• TASK INPUT
-------------------------

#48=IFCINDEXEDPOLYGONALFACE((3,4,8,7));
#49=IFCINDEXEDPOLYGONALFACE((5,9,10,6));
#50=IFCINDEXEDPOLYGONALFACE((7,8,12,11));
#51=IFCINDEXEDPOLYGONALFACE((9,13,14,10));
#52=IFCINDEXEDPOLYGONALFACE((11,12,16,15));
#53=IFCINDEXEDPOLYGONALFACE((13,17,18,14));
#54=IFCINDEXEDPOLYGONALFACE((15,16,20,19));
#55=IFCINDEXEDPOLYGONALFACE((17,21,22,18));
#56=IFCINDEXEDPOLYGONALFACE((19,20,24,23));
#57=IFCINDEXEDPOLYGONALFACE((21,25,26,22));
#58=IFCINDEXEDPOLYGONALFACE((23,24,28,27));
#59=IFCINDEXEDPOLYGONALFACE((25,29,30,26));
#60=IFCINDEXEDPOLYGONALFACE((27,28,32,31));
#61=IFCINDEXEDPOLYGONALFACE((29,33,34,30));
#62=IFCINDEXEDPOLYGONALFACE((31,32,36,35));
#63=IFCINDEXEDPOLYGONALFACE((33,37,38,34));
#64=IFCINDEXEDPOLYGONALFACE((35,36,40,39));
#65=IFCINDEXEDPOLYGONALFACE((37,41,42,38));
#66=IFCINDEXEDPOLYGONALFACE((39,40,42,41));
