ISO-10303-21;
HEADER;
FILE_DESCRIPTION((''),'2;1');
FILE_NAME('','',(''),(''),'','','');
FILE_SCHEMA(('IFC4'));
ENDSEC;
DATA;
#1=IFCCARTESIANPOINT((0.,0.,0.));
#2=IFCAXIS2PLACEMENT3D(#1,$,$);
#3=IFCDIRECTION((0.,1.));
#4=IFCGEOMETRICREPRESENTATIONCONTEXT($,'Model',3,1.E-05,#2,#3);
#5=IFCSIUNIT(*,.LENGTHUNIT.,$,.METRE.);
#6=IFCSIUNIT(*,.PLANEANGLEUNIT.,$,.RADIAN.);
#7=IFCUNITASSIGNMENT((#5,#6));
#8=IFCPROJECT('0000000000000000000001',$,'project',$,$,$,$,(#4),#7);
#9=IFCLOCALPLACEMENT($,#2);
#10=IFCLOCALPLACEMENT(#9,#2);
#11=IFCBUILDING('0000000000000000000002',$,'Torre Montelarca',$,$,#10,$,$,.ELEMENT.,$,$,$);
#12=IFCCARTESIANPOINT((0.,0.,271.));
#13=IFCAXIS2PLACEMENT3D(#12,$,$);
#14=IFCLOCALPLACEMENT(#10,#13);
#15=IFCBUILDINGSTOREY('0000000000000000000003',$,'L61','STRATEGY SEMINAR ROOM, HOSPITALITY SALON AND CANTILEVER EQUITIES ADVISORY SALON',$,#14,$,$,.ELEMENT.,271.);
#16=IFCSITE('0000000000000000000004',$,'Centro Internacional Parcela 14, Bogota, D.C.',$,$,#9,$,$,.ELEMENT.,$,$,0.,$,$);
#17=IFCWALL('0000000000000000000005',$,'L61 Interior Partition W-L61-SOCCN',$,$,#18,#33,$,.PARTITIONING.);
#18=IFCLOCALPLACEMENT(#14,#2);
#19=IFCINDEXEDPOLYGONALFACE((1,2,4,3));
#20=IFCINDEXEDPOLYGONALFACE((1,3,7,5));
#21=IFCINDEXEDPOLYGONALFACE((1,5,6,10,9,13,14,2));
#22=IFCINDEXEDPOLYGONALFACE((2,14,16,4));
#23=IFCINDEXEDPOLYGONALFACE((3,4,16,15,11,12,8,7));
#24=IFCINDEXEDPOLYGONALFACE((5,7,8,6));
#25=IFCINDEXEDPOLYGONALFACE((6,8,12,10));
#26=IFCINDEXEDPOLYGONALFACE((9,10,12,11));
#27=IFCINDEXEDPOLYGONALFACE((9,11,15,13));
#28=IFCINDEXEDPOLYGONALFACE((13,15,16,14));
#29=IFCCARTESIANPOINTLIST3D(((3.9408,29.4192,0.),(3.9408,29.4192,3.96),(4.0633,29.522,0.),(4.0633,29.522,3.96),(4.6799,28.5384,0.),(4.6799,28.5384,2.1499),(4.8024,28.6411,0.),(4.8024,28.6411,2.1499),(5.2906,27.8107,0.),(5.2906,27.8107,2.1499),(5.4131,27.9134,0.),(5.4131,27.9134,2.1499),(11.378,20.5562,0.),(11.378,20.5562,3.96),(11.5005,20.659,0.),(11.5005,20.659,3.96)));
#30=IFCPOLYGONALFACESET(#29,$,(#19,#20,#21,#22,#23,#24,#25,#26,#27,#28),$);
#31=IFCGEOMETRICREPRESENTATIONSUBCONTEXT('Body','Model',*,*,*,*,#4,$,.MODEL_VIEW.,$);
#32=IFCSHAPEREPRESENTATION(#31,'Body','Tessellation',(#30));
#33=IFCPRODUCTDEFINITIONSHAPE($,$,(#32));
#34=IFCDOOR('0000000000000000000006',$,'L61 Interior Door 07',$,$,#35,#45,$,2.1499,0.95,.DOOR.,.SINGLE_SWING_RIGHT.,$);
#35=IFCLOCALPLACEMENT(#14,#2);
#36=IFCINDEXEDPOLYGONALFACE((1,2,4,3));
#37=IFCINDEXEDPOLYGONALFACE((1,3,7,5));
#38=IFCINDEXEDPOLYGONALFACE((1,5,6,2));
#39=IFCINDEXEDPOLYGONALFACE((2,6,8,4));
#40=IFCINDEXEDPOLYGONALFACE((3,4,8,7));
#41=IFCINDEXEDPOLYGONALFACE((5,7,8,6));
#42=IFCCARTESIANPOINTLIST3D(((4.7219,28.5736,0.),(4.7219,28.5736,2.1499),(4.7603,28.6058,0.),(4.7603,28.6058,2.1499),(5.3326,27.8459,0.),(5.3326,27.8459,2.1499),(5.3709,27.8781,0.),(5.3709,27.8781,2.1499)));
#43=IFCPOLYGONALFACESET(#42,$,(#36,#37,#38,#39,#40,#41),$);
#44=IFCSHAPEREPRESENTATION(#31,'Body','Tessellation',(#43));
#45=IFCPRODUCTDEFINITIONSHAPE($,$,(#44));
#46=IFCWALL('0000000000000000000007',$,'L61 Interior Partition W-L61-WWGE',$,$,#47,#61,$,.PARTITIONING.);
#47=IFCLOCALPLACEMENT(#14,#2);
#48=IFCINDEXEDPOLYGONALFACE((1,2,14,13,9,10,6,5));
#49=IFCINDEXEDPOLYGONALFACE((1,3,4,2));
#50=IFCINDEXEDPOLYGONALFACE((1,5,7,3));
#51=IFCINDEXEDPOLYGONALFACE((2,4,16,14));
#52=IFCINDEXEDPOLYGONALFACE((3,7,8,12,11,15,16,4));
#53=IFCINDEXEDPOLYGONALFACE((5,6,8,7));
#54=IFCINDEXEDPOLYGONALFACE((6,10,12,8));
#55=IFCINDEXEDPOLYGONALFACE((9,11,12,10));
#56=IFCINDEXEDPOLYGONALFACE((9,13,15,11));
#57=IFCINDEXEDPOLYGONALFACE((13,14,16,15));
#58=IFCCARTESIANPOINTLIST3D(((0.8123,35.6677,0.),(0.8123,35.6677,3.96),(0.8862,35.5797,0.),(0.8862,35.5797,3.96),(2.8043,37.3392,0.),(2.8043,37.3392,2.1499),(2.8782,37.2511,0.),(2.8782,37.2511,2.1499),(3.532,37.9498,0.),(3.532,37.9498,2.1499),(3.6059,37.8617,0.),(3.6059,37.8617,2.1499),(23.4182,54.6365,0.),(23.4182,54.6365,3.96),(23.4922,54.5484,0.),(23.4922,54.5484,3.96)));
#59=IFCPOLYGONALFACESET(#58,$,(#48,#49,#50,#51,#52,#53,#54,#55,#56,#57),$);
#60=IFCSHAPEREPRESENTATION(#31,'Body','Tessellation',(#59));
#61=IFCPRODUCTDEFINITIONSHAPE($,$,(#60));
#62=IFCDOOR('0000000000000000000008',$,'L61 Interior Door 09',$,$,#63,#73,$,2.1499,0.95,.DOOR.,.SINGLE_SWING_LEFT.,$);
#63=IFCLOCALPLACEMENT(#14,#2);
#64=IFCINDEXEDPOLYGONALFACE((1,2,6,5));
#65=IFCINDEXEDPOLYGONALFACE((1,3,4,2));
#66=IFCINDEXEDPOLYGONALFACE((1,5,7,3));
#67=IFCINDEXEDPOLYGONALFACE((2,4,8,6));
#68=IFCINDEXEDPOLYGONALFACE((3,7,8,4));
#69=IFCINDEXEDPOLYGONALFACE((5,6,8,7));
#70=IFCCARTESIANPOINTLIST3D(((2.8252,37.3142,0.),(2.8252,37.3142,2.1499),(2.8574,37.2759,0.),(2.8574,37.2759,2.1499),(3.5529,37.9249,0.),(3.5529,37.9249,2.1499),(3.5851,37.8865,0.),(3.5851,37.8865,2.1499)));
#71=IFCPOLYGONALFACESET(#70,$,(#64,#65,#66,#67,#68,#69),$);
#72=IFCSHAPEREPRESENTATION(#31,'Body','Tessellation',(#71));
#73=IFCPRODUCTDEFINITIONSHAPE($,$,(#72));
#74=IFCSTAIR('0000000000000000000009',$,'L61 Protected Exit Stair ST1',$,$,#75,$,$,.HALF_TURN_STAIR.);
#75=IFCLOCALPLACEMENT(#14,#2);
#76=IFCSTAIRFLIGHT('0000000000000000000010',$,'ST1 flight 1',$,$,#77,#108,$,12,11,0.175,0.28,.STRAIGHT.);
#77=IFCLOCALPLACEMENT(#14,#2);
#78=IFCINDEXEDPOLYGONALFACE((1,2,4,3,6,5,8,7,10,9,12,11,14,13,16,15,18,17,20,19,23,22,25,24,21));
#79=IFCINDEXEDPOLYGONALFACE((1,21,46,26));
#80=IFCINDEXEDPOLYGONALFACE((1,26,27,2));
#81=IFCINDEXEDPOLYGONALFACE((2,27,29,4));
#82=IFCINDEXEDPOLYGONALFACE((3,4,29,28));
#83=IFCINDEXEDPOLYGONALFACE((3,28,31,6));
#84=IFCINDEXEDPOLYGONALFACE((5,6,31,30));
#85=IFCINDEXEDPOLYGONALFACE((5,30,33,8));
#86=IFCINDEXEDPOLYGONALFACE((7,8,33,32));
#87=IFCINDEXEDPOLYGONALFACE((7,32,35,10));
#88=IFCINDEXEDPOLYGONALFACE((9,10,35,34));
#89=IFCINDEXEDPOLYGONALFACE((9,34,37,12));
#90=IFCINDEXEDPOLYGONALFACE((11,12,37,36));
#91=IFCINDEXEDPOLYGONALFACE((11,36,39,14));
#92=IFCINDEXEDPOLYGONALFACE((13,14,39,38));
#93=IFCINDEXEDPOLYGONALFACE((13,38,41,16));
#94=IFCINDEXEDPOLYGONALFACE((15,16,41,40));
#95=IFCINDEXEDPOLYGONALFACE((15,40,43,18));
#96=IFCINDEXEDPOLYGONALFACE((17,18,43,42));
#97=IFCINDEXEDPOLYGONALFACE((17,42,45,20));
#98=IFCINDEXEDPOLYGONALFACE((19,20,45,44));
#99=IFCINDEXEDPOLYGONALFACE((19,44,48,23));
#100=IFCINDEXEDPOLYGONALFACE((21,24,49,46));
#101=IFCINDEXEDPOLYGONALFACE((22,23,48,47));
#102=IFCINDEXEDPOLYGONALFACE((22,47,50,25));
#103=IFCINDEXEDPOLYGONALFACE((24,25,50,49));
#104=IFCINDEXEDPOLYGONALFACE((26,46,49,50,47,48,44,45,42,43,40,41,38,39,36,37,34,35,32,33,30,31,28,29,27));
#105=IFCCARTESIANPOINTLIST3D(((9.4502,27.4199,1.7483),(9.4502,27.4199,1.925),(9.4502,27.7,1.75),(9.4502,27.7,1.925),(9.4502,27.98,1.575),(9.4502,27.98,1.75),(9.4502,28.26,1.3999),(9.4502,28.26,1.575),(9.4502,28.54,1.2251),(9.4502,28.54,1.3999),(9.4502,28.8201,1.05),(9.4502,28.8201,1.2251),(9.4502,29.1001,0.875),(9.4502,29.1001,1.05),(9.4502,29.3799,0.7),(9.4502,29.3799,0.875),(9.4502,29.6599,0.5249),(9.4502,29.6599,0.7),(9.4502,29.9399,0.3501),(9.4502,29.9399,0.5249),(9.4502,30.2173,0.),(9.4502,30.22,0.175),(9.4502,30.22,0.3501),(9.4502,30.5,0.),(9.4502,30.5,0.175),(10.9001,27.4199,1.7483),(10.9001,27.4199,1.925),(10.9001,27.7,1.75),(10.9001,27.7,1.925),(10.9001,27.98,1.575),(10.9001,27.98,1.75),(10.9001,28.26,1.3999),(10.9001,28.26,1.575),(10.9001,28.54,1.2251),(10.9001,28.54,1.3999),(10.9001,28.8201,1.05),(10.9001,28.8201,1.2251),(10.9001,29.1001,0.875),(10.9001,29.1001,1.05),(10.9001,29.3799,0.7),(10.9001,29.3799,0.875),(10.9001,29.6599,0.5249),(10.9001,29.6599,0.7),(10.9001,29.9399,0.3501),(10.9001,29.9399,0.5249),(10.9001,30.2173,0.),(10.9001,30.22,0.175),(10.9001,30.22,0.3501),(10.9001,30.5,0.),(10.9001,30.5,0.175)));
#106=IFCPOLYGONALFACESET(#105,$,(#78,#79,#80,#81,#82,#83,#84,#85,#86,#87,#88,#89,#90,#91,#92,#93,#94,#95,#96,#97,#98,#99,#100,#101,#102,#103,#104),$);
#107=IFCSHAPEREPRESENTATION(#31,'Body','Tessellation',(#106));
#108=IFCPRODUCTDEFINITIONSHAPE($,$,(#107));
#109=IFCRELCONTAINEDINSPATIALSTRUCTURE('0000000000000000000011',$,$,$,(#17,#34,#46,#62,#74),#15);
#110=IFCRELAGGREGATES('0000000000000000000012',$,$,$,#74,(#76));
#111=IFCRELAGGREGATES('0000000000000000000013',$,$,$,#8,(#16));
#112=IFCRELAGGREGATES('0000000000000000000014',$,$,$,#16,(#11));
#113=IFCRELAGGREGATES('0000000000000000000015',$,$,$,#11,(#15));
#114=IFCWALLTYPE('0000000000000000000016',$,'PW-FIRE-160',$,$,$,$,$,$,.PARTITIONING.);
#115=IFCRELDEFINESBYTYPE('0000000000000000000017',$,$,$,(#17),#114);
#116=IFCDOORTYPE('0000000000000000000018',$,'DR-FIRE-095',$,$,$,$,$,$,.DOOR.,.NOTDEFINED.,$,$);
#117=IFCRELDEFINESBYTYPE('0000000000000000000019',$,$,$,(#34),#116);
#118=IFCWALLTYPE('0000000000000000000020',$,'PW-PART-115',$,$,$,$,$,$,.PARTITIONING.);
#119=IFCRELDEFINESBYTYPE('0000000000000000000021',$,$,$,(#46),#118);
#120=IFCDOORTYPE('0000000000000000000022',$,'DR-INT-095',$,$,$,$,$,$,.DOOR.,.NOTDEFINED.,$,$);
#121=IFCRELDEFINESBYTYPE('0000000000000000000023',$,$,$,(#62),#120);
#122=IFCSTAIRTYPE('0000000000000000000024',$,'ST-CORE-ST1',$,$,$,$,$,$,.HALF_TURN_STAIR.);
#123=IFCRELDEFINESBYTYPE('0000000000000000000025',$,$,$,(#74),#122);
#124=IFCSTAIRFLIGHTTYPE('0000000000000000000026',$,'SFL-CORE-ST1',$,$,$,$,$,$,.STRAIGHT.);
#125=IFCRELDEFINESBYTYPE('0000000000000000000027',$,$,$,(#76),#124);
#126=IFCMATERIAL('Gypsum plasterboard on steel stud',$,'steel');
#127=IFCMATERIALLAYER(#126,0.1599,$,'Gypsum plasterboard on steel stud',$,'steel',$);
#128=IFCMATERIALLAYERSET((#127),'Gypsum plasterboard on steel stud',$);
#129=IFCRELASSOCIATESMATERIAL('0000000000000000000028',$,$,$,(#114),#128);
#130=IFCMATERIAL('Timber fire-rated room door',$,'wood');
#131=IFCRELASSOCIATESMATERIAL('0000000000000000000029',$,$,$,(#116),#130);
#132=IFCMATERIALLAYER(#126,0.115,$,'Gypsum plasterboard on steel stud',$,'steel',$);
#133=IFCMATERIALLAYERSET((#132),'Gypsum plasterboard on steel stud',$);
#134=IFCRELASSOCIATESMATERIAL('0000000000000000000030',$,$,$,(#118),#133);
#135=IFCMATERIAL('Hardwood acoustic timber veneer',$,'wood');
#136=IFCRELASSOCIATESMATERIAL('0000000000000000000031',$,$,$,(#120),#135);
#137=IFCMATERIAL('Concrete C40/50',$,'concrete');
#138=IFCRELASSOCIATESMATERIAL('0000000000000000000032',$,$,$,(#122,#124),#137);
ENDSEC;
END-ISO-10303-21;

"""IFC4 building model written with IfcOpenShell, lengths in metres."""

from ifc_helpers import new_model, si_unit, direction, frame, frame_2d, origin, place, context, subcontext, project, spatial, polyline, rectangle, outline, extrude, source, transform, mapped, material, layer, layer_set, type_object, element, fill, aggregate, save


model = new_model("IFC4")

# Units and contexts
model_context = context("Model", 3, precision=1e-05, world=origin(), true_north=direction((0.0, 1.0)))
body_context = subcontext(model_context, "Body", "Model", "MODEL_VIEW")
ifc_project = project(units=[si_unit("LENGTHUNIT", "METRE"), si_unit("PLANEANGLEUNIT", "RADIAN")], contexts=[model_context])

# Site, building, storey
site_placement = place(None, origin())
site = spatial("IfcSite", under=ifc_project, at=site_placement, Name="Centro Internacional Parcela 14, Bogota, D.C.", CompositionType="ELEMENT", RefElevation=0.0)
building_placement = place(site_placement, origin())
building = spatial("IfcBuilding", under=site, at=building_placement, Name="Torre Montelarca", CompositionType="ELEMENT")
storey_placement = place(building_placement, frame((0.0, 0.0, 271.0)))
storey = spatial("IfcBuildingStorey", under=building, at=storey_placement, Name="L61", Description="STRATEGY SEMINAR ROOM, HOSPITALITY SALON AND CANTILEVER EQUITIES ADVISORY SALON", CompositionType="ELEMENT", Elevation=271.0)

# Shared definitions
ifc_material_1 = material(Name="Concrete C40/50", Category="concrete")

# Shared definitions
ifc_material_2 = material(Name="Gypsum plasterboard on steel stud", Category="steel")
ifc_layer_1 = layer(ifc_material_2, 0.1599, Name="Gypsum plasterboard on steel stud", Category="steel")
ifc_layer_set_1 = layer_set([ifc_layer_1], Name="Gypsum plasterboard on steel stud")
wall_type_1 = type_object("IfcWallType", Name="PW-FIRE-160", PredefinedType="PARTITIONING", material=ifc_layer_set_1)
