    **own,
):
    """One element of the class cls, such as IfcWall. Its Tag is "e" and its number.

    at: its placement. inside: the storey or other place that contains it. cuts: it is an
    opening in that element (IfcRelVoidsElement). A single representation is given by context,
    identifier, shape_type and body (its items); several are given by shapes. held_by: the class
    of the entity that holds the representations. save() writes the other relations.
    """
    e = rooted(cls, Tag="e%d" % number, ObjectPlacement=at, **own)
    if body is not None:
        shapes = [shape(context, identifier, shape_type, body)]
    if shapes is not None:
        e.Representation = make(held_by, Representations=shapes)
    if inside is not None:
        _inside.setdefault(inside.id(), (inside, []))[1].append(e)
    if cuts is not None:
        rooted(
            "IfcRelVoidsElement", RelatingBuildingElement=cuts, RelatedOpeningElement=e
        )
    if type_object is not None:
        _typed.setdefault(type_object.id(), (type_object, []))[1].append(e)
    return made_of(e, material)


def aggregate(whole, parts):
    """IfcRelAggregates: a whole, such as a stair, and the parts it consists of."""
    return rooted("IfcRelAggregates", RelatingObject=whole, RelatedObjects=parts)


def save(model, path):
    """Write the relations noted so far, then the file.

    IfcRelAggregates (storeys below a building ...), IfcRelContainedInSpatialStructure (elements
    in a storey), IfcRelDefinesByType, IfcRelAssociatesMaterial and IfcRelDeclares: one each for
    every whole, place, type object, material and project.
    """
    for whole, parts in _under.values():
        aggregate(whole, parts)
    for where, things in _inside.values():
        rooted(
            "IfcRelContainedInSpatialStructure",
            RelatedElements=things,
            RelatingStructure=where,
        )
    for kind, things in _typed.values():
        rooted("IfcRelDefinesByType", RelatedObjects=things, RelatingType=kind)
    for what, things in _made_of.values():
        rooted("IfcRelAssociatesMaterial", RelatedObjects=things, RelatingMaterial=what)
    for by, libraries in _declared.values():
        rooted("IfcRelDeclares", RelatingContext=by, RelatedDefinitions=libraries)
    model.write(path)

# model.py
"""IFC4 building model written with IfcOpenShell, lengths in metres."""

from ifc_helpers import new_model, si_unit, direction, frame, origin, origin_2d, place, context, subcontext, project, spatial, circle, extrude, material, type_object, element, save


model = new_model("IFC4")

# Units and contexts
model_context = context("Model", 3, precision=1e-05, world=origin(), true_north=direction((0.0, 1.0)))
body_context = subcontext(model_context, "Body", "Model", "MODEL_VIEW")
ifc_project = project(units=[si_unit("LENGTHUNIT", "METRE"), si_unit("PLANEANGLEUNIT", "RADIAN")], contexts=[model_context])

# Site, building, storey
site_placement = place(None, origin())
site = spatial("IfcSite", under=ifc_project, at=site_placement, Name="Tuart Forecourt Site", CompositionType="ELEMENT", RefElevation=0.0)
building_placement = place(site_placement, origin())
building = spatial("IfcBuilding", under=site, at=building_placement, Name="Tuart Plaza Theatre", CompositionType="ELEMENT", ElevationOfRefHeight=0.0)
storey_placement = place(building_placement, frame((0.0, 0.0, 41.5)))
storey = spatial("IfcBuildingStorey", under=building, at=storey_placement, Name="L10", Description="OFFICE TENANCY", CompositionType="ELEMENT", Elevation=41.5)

-------------------------

• WHAT NEEDS TO BE DONE
Where the listing above has a line with "#79=IFCINDEXEDPOLYGONALFACE((1,21,46,26));", start there, and output every line exactly through the line with "#89=IFCINDEXEDPOLYGONALFACE((9,34,37,12));", which is also included.

• EXPECTED ANSWER
#79=IFCINDEXEDPOLYGONALFACE((1,21,46,26));
#80=IFCINDEXEDPOLYGONALFACE((1,26,27,2));
#81=IFCINDEXEDPOLYGONALFACE((2,27,29,4));
#82=IFCINDEXEDPOLYGONALFACE((3,4,29,28));
#83=IFCINDEXEDPOLYGONALFACE((3,28,31,6));
#84=IFCINDEXEDPOLYGONALFACE((5,6,31,30));
#85=IFCINDEXEDPOLYGONALFACE((5,30,33,8));
#86=IFCINDEXEDPOLYGONALFACE((7,8,33,32));
#87=IFCINDEXEDPOLYGONALFACE((7,32,35,10));
#88=IFCINDEXEDPOLYGONALFACE((9,10,35,34));
#89=IFCINDEXEDPOLYGONALFACE((9,34,37,12));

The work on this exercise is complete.